### [What is required]
Each line of the data should be repeated precisely.

******************************

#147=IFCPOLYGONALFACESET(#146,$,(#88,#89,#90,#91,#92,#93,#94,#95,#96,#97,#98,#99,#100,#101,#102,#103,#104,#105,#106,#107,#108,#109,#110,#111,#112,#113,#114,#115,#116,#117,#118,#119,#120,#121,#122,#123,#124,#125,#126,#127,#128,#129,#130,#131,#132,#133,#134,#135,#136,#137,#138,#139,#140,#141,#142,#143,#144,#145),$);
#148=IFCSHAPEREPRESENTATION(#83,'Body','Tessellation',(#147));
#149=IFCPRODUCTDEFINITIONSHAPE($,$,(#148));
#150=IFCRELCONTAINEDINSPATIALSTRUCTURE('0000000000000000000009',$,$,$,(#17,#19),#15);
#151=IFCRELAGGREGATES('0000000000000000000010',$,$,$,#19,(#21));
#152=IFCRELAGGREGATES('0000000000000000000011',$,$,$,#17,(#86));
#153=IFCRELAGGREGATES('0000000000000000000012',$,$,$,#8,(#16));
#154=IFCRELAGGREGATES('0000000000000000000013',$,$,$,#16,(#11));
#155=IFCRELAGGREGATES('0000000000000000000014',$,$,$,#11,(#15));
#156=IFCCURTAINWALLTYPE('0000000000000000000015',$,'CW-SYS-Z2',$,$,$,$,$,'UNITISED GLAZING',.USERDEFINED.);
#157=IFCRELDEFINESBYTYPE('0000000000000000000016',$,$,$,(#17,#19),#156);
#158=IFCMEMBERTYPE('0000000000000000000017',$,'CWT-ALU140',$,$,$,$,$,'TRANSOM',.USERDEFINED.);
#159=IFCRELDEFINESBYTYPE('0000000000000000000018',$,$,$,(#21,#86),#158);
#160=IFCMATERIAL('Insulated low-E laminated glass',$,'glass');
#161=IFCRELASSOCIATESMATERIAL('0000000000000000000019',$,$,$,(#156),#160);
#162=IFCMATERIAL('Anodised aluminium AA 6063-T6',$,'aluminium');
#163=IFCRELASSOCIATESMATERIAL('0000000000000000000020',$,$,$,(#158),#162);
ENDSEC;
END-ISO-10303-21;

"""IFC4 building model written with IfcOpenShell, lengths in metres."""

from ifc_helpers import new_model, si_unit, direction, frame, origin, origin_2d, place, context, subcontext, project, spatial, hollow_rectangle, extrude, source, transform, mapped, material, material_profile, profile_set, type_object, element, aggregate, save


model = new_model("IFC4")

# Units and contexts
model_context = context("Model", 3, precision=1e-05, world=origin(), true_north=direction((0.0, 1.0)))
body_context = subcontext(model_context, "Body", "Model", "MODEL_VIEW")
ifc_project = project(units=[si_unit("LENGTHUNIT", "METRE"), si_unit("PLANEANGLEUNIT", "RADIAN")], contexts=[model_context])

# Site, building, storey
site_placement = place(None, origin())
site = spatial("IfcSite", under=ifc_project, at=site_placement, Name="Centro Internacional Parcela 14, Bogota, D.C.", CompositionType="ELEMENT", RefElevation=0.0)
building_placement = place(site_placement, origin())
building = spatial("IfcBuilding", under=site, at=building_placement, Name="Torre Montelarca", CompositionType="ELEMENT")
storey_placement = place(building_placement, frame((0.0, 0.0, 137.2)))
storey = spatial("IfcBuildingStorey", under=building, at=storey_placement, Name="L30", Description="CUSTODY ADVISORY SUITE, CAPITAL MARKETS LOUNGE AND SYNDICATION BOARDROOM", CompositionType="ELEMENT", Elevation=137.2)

******************************

### [Exercise output]
#147=IFCPOLYGONALFACESET(#146,$,(#88,#89,#90,#91,#92,#93,#94,#95,#96,#97,#98,#99,#100,#101,#102,#103,#104,#105,#106,#107,#108,#109,#110,#111,#112,#113,#114,#115,#116,#117,#118,#119,#120,#121,#122,#123,#124,#125,#126,#127,#128,#129,#130,#131,#132,#133,#134,#135,#136,#137,#138,#139,#140,#141,#142,#143,#144,#145),$);
#148=IFCSHAPEREPRESENTATION(#83,'Body','Tessellation',(#147));
#149=IFCPRODUCTDEFINITIONSHAPE($,$,(#148));
#150=IFCRELCONTAINEDINSPATIALSTRUCTURE('0000000000000000000009',$,$,$,(#17,#19),#15);
#151=IFCRELAGGREGATES('0000000000000000000010',$,$,$,#19,(#21));
#152=IFCRELAGGREGATES('0000000000000000000011',$,$,$,#17,(#86));
#153=IFCRELAGGREGATES('0000000000000000000012',$,$,$,#8,(#16));
#154=IFCRELAGGREGATES('0000000000000000000013',$,$,$,#16,(#11));
#155=IFCRELAGGREGATES('0000000000000000000014',$,$,$,#11,(#15));
#156=IFCCURTAINWALLTYPE('0000000000000000000015',$,'CW-SYS-Z2',$,$,$,$,$,'UNITISED GLAZING',.USERDEFINED.);
#157=IFCRELDEFINESBYTYPE('0000000000000000000016',$,$,$,(#17,#19),#156);
#158=IFCMEMBERTYPE('0000000000000000000017',$,'CWT-ALU140',$,$,$,$,$,'TRANSOM',.USERDEFINED.);
#159=IFCRELDEFINESBYTYPE('0000000000000000000018',$,$,$,(#21,#86),#158);
#160=IFCMATERIAL('Insulated low-E laminated glass',$,'glass');
#161=IFCRELASSOCIATESMATERIAL('0000000000000000000019',$,$,$,(#156),#160);
#162=IFCMATERIAL('Anodised aluminium AA 6063-T6',$,'aluminium');
#163=IFCRELASSOCIATESMATERIAL('0000000000000000000020',$,$,$,(#158),#162);
ENDSEC;
END-ISO-10303-21;

"""IFC4 building model written with IfcOpenShell, lengths in metres."""

from ifc_helpers import new_model, si_unit, direction, frame, origin, origin_2d, place, context, subcontext, project, spatial, hollow_rectangle, extrude, source, transform, mapped, material, material_profile, profile_set, type_object, element, aggregate, save


model = new_model("IFC4")

# Units and contexts
model_context = context("Model", 3, precision=1e-05, world=origin(), true_north=direction((0.0, 1.0)))
body_context = subcontext(model_context, "Body", "Model", "MODEL_VIEW")
ifc_project = project(units=[si_unit("LENGTHUNIT", "METRE"), si_unit("PLANEANGLEUNIT", "RADIAN")], contexts=[model_context])

# Site, building, storey
site_placement = place(None, origin())
site = spatial("IfcSite", under=ifc_project, at=site_placement, Name="Centro Internacional Parcela 14, Bogota, D.C.", CompositionType="ELEMENT", RefElevation=0.0)
building_placement = place(site_placement, origin())
building = spatial("IfcBuilding", under=site, at=building_placement, Name="Torre Montelarca", CompositionType="ELEMENT")
storey_placement = place(building_placement, frame((0.0, 0.0, 137.2)))
storey = spatial("IfcBuildingStorey", under=building, at=storey_placement, Name="L30", Description="CUSTODY ADVISORY SUITE, CAPITAL MARKETS LOUNGE AND SYNDICATION BOARDROOM", CompositionType="ELEMENT", Elevation=137.2)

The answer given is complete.